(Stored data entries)
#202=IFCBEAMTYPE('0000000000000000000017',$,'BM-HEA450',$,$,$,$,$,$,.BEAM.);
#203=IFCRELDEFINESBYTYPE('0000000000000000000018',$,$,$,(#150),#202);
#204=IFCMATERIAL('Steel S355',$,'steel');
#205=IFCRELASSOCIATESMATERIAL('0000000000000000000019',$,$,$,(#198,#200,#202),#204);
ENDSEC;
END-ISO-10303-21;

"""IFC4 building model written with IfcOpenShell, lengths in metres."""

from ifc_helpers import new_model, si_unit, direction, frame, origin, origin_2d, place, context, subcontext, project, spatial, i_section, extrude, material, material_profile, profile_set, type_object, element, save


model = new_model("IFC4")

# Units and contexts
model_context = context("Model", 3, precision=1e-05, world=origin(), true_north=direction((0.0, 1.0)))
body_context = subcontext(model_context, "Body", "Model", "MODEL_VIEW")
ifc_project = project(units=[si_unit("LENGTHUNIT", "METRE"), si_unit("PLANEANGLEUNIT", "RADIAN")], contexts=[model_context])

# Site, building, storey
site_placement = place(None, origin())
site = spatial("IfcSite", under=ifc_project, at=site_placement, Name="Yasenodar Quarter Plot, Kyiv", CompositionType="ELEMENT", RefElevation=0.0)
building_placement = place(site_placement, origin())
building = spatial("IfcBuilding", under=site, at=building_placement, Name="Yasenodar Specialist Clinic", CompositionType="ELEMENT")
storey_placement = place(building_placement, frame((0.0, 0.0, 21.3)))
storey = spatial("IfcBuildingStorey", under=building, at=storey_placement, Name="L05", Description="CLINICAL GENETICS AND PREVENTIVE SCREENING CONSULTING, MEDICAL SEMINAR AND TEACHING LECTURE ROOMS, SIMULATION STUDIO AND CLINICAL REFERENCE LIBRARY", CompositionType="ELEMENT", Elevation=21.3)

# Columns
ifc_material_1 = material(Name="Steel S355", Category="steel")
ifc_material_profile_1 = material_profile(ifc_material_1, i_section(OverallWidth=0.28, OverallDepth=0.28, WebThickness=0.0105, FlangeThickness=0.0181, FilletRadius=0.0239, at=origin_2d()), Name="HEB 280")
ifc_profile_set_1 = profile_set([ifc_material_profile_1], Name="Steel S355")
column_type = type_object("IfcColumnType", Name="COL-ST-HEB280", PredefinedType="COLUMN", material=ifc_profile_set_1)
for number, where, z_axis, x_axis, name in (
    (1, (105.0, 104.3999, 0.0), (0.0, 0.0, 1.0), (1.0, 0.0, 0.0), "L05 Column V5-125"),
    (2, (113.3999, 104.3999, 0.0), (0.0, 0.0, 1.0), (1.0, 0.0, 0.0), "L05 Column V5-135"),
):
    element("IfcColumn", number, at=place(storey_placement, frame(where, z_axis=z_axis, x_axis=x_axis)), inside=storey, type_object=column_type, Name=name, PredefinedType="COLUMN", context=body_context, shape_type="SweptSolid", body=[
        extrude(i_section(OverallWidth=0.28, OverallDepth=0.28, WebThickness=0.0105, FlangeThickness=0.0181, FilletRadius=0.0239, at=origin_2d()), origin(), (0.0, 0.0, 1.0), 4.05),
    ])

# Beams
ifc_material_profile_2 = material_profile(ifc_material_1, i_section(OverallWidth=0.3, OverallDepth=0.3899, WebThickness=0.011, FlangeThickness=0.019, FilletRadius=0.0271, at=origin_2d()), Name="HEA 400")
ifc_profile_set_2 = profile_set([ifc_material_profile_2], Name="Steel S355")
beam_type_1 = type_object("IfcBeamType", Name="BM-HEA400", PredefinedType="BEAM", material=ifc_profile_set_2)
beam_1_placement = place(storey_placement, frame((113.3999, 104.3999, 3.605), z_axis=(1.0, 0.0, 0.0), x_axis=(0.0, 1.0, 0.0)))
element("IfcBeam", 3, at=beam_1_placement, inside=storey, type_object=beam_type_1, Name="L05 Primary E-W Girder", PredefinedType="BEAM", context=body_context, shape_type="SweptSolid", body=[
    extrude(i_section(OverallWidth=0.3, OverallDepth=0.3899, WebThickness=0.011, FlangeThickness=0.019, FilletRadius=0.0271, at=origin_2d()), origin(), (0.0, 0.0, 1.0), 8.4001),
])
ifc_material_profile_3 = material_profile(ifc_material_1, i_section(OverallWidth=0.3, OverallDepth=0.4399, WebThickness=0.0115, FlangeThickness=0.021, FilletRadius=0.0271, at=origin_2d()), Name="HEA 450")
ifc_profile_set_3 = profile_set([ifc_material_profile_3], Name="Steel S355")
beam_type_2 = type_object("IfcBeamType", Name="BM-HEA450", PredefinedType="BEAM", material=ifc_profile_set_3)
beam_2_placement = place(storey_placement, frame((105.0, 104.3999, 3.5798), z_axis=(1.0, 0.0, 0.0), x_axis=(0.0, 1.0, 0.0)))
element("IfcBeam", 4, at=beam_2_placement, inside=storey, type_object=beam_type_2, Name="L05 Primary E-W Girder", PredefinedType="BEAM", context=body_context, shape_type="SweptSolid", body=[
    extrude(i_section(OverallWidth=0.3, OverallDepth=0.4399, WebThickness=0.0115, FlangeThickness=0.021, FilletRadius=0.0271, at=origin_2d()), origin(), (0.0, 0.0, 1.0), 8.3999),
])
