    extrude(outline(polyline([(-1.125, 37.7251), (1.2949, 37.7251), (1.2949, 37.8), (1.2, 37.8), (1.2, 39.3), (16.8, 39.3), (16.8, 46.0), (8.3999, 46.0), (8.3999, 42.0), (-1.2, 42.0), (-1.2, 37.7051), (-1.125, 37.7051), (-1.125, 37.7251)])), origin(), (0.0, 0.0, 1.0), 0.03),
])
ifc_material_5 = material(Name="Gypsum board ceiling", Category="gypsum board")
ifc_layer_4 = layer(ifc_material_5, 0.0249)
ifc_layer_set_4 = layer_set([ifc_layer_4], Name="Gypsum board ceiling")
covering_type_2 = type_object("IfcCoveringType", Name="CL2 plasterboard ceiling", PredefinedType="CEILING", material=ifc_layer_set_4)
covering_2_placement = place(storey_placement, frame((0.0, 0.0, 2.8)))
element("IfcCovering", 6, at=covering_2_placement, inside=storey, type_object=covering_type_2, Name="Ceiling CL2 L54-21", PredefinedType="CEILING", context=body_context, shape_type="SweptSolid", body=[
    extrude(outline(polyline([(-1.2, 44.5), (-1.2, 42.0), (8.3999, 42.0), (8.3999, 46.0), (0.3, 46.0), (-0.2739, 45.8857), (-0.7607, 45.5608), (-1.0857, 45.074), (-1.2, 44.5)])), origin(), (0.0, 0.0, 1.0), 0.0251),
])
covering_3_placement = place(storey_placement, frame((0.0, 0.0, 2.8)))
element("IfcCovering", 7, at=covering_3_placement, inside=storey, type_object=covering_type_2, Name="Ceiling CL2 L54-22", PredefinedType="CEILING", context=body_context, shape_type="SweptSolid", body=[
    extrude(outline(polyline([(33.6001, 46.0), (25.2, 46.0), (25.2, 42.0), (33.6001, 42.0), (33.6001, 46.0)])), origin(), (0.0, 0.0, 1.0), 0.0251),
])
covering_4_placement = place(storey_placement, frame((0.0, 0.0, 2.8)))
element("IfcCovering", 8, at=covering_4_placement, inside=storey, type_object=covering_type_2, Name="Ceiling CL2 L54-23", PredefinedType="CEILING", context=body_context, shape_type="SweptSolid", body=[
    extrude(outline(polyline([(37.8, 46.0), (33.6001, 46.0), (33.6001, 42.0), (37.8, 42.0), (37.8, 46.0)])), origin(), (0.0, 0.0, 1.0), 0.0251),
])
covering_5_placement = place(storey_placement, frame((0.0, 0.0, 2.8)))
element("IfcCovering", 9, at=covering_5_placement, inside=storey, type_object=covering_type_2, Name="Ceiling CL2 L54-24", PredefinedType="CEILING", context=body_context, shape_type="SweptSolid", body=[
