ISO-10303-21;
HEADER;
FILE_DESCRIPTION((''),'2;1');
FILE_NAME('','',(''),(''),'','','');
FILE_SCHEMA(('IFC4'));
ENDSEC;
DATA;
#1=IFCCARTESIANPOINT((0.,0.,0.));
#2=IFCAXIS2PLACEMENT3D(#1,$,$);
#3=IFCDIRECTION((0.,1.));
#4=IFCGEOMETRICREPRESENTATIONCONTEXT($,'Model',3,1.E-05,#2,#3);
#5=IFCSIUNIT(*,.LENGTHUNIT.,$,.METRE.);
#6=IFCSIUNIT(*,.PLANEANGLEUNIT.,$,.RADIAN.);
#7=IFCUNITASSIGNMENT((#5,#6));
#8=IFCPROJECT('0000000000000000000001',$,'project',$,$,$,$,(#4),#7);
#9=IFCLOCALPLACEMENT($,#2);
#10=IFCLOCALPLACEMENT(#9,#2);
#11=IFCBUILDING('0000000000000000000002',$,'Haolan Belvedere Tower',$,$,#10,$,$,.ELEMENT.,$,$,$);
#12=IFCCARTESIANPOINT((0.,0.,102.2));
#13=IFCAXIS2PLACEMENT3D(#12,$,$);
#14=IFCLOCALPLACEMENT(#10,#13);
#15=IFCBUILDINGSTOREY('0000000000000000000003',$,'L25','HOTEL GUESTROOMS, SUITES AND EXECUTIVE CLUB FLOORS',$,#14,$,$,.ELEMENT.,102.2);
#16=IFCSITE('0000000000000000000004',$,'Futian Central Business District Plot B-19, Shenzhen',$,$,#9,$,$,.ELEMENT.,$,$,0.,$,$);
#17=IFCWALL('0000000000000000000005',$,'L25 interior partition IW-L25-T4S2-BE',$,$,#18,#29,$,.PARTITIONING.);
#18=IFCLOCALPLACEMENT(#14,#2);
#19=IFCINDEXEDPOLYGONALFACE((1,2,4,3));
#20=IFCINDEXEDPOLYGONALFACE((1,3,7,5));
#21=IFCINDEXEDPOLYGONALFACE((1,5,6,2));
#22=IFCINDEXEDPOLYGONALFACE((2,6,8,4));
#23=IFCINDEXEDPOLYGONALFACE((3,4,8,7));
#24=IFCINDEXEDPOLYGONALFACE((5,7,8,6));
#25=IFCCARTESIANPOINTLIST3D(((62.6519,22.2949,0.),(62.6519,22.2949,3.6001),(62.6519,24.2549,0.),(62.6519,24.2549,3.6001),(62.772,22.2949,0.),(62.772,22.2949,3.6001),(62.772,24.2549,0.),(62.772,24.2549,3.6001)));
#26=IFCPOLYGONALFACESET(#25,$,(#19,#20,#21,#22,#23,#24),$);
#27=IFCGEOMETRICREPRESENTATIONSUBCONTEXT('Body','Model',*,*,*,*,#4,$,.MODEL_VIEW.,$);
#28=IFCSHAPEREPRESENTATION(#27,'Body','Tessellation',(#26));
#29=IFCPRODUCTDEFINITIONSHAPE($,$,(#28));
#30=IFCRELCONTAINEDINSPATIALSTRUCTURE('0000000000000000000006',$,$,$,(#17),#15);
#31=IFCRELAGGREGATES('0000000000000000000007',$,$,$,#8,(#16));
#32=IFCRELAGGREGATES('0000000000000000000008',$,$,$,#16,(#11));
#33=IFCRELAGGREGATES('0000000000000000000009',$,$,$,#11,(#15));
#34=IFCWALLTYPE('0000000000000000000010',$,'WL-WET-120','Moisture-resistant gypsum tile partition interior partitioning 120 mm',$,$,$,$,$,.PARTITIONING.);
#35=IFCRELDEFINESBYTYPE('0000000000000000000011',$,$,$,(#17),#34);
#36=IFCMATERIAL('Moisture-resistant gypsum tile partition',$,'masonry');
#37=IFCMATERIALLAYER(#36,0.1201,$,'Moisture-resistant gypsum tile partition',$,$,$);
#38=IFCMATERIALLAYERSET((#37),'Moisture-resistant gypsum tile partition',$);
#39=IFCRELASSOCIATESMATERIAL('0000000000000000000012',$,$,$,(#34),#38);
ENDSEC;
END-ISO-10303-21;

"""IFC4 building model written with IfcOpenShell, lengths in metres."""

from ifc_helpers import new_model, si_unit, direction, frame, frame_2d, origin, place, context, subcontext, project, spatial, rectangle, extrude, material, layer, layer_set, type_object, element, save


model = new_model("IFC4")

# Units and contexts
model_context = context("Model", 3, precision=1e-05, world=origin(), true_north=direction((0.0, 1.0)))
body_context = subcontext(model_context, "Body", "Model", "MODEL_VIEW")
ifc_project = project(units=[si_unit("LENGTHUNIT", "METRE"), si_unit("PLANEANGLEUNIT", "RADIAN")], contexts=[model_context])

# Site, building, storey
site_placement = place(None, origin())
site = spatial("IfcSite", under=ifc_project, at=site_placement, Name="Futian Central Business District Plot B-19, Shenzhen", CompositionType="ELEMENT", RefElevation=0.0)
building_placement = place(site_placement, origin())
building = spatial("IfcBuilding", under=site, at=building_placement, Name="Haolan Belvedere Tower", CompositionType="ELEMENT")
storey_placement = place(building_placement, frame((0.0, 0.0, 102.2)))
storey = spatial("IfcBuildingStorey", under=building, at=storey_placement, Name="L25", Description="HOTEL GUESTROOMS, SUITES AND EXECUTIVE CLUB FLOORS", CompositionType="ELEMENT", Elevation=102.2)

# Shared definitions
ifc_material_1 = material(Name="Moisture-resistant gypsum tile partition", Category="masonry")
ifc_layer_1 = layer(ifc_material_1, 0.1201, Name="Moisture-resistant gypsum tile partition")
ifc_layer_set_1 = layer_set([ifc_layer_1], Name="Moisture-resistant gypsum tile partition")
wall_type_1 = type_object("IfcWallType", Name="WL-WET-120", Description="Moisture-resistant gypsum tile partition interior partitioning 120 mm", PredefinedType="PARTITIONING", material=ifc_layer_set_1)

# Wall
for number, where, z_axis, x_axis, name in (
    (1, (62.7119, 22.2949, 0.0), (0.0, 0.0, 1.0), (0.0, 1.0, 0.0), "L25 interior partition IW-L25-T4S2-BE"),
):
    element("IfcWall", number, at=place(storey_placement, frame(where, z_axis=z_axis, x_axis=x_axis)), inside=storey, type_object=wall_type_1, Name=name, PredefinedType="PARTITIONING", context=body_context, shape_type="SweptSolid", body=[
        extrude(rectangle(XDim=1.96, YDim=0.1201, at=frame_2d((0.98, 0.0))), origin(), (0.0, 0.0, 1.0), 3.6001),
    ])

save(model, "model.ifc")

**What you need to do**
Go through the records. Copy each line where "Steel" appears.

**Reply**
#204=IFCMATERIAL('Steel S355',$,'steel');
ifc_material_1 = material(Name="Steel S355", Category="steel")
ifc_profile_set_1 = profile_set([ifc_material_profile_1], Name="Steel S355")
ifc_profile_set_2 = profile_set([ifc_material_profile_2], Name="Steel S355")
ifc_profile_set_3 = profile_set([ifc_material_profile_3], Name="Steel S355")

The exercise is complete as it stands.